Requirement: Start the output with the opening line of the listing below and continue, reproducing each line exactly, up to and including the line that contains "#5=IFCSIUNIT(*,.LENGTHUNIT.,$,.METRE.);".

[Input data Boundary: Start]

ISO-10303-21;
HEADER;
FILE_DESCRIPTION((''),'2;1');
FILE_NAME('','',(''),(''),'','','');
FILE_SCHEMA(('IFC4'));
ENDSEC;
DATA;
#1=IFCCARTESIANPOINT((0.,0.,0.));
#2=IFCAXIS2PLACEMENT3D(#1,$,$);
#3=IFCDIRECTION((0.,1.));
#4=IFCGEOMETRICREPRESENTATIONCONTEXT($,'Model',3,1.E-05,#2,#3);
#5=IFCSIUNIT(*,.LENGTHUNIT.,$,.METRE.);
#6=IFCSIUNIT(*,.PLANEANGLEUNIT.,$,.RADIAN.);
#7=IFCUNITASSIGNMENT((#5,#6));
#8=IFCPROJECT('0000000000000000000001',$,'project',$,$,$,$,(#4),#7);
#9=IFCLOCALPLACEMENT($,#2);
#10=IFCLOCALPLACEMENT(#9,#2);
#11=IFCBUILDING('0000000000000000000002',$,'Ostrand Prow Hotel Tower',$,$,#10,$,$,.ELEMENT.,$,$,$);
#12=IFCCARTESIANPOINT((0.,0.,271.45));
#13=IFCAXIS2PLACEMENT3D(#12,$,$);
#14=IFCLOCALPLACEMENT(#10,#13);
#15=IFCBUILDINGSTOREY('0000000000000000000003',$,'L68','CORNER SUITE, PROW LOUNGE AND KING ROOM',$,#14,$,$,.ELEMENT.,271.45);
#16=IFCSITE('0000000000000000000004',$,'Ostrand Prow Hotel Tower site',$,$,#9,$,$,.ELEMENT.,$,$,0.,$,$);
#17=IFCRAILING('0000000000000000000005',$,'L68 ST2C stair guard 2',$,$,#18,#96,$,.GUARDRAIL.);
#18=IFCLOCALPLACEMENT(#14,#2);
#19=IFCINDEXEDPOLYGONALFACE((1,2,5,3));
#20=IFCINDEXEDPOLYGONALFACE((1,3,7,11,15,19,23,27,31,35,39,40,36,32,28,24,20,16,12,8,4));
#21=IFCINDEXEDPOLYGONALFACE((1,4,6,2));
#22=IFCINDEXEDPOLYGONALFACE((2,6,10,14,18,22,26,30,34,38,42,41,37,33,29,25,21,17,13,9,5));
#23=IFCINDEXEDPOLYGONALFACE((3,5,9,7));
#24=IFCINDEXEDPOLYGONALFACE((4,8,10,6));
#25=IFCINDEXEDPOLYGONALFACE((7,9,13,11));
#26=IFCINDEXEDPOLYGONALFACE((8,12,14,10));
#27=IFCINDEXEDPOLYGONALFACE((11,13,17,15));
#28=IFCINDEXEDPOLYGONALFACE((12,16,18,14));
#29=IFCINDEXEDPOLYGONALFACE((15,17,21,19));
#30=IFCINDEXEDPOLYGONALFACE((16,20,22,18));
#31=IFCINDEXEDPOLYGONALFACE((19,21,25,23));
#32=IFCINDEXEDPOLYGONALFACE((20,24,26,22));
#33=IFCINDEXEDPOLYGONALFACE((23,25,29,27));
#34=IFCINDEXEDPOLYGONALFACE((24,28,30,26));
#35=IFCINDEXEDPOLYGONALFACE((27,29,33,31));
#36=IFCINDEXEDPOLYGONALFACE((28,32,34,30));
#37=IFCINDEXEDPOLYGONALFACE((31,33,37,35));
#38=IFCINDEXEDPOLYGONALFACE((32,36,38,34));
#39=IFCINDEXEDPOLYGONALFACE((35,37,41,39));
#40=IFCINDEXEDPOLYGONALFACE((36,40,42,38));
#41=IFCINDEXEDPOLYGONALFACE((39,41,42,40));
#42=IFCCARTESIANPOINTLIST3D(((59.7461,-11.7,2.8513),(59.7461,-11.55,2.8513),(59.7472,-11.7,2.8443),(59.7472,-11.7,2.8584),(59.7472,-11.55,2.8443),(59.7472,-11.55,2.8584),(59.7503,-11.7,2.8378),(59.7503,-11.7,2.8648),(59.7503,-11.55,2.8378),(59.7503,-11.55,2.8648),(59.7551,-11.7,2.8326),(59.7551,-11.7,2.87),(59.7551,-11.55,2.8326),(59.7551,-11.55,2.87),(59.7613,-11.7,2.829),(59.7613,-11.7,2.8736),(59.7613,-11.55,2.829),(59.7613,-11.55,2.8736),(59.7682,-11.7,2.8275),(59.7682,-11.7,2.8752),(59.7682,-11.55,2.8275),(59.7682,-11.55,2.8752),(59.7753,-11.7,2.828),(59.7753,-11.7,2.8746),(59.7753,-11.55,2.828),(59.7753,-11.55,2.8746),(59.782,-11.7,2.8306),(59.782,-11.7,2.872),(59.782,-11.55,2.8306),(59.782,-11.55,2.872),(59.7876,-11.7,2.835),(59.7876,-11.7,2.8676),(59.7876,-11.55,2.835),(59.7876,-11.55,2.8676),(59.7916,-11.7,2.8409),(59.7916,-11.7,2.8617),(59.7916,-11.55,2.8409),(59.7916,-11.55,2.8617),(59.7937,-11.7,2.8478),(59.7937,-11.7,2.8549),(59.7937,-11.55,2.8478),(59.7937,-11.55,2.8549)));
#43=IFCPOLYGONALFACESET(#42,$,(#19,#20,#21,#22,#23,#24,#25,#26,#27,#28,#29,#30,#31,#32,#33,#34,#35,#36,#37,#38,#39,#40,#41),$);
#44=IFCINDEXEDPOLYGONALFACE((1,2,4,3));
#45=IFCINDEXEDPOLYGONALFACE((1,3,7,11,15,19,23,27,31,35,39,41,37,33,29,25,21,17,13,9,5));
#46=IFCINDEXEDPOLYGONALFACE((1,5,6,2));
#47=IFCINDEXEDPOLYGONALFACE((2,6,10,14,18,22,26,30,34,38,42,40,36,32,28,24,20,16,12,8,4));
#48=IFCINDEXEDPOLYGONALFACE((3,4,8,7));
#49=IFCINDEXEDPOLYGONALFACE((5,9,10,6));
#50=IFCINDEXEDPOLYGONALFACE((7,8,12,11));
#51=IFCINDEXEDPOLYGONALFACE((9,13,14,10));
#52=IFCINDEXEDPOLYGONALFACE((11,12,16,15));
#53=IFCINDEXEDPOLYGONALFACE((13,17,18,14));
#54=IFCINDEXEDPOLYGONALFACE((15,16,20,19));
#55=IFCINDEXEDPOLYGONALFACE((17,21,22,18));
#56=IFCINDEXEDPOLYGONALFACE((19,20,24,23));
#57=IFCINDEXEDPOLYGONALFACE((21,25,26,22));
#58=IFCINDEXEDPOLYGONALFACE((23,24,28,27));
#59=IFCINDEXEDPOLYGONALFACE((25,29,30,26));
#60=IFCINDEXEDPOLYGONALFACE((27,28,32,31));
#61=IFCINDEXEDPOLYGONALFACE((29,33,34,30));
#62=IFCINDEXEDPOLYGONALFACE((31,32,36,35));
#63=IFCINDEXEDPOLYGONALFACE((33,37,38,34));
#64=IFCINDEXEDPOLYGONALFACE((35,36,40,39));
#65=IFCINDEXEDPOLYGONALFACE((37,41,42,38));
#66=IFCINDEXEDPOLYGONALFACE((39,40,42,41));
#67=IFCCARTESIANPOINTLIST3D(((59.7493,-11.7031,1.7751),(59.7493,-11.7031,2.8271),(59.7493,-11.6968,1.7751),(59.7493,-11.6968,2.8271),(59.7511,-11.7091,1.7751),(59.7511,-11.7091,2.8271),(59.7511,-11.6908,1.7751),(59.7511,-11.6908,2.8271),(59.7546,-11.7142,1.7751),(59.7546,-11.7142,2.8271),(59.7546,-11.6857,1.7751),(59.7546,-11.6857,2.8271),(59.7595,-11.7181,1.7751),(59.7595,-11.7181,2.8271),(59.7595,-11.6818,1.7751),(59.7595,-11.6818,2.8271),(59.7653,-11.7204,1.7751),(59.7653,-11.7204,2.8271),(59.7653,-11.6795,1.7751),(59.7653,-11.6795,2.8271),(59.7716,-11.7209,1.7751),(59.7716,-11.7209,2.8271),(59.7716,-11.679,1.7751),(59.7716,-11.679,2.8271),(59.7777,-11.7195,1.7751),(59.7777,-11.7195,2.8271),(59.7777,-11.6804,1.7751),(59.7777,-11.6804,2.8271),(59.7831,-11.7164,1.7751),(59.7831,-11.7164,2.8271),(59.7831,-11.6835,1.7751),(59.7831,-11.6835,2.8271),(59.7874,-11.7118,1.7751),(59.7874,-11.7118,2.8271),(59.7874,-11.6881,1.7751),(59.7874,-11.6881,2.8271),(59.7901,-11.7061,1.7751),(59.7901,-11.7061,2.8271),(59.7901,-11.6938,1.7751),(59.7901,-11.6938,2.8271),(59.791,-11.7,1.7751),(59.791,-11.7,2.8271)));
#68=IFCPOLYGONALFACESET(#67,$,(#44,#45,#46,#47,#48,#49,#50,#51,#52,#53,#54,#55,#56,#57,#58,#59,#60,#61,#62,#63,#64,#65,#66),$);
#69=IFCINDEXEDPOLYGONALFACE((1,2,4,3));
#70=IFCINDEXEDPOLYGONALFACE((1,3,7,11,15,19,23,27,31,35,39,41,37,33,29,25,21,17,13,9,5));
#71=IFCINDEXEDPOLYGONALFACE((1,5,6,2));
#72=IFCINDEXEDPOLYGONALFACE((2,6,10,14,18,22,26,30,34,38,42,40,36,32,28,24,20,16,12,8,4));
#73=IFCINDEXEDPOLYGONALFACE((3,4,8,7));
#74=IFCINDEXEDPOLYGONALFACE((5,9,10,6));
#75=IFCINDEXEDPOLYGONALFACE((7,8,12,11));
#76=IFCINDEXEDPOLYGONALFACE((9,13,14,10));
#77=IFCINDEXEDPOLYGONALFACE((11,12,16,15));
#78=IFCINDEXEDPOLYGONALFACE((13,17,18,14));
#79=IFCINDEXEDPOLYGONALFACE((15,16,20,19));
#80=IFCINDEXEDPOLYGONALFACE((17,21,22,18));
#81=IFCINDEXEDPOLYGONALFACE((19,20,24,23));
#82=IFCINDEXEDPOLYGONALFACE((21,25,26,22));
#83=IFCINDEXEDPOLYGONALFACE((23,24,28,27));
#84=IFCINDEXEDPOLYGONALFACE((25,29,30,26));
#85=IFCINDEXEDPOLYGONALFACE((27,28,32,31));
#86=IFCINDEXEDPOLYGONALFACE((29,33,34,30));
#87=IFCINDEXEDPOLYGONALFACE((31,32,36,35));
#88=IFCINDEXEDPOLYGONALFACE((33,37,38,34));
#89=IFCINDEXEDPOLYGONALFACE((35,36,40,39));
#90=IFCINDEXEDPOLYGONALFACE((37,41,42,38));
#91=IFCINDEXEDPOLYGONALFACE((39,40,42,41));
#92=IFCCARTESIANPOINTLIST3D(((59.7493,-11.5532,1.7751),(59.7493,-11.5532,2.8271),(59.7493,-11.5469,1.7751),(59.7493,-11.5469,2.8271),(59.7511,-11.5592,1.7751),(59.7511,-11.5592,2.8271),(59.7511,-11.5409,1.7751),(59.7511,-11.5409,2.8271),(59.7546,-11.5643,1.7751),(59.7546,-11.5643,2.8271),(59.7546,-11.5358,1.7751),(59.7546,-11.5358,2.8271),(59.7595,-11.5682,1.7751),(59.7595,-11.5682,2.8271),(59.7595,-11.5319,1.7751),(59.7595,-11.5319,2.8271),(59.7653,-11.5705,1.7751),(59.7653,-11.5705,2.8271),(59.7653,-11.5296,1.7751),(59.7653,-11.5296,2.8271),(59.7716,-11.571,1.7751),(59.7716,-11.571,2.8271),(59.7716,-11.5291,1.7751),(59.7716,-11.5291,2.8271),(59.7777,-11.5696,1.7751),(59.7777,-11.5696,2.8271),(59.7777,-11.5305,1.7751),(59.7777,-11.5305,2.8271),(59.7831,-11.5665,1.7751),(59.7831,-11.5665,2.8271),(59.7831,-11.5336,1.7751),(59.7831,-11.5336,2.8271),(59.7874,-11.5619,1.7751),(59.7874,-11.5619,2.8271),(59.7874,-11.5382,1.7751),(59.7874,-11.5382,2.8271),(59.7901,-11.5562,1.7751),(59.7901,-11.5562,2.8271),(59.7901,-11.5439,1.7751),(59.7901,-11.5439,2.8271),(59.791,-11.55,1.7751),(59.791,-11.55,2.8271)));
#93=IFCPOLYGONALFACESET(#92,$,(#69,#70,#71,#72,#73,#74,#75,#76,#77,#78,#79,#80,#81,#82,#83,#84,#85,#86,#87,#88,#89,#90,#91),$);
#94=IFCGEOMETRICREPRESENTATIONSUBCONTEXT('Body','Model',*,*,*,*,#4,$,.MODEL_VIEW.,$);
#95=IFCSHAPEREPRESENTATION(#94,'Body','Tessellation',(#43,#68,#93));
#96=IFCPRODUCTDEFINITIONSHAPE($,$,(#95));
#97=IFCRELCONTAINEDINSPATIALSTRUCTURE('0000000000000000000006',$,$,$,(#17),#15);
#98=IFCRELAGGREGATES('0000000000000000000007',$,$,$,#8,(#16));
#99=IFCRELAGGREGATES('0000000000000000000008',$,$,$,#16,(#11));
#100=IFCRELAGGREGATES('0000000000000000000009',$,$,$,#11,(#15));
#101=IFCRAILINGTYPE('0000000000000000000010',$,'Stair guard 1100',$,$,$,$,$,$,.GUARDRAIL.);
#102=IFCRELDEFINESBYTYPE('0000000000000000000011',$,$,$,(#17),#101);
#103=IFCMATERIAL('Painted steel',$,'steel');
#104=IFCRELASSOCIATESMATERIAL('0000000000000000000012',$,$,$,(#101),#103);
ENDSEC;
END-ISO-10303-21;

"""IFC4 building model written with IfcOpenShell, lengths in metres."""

from ifc_helpers import new_model, si_unit, direction, frame, origin, origin_2d, place, context, subcontext, project, spatial, circle, extrude, material, type_object, element, save


model = new_model("IFC4")

# Units and contexts
model_context = context("Model", 3, precision=1e-05, world=origin(), true_north=direction((0.0, 1.0)))
body_context = subcontext(model_context, "Body", "Model", "MODEL_VIEW")
ifc_project = project(units=[si_unit("LENGTHUNIT", "METRE"), si_unit("PLANEANGLEUNIT", "RADIAN")], contexts=[model_context])

# Site, building, storey
site_placement = place(None, origin())
site = spatial("IfcSite", under=ifc_project, at=site_placement, Name="Ostrand Prow Hotel Tower site", CompositionType="ELEMENT", RefElevation=0.0)
building_placement = place(site_placement, origin())
building = spatial("IfcBuilding", under=site, at=building_placement, Name="Ostrand Prow Hotel Tower", CompositionType="ELEMENT")
storey_placement = place(building_placement, frame((0.0, 0.0, 271.45)))
storey = spatial("IfcBuildingStorey", under=building, at=storey_placement, Name="L68", Description="CORNER SUITE, PROW LOUNGE AND KING ROOM", CompositionType="ELEMENT", Elevation=271.45)

# Railing
ifc_material_1 = material(Name="Painted steel", Category="steel")
railing_type_1 = type_object("IfcRailingType", Name="Stair guard 1100", PredefinedType="GUARDRAIL", material=ifc_material_1)
railing_1_placement = place(storey_placement, frame((59.77, -11.7, 1.7751)))
element("IfcRailing", 1, at=railing_1_placement, inside=storey, type_object=railing_type_1, Name="L68 ST2C stair guard 2", PredefinedType="GUARDRAIL", context=body_context, shape_type="SweptSolid", body=[
    extrude(circle(Radius=0.0239, at=origin_2d()), frame((0.0, 0.0, 1.0762), z_axis=(0.0, 1.0, 0.0), x_axis=(-1.0, 0.0, 0.0)), (0.0, 0.0, 1.0), 0.1499),
    extrude(circle(Radius=0.021, at=origin_2d()), origin(), (0.0, 0.0, 1.0), 1.052),
    extrude(circle(Radius=0.021, at=origin_2d()), frame((0.0, 0.1499, 0.0)), (0.0, 0.0, 1.0), 1.052),
])

save(model, "model.ifc")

[Input data Boundary: End]

Reply:
ISO-10303-21;
HEADER;
FILE_DESCRIPTION((''),'2;1');
FILE_NAME('','',(''),(''),'','','');
FILE_SCHEMA(('IFC4'));
ENDSEC;
DATA;
#1=IFCCARTESIANPOINT((0.,0.,0.));
#2=IFCAXIS2PLACEMENT3D(#1,$,$);
#3=IFCDIRECTION((0.,1.));
#4=IFCGEOMETRICREPRESENTATIONCONTEXT($,'Model',3,1.E-05,#2,#3);
#5=IFCSIUNIT(*,.LENGTHUNIT.,$,.METRE.);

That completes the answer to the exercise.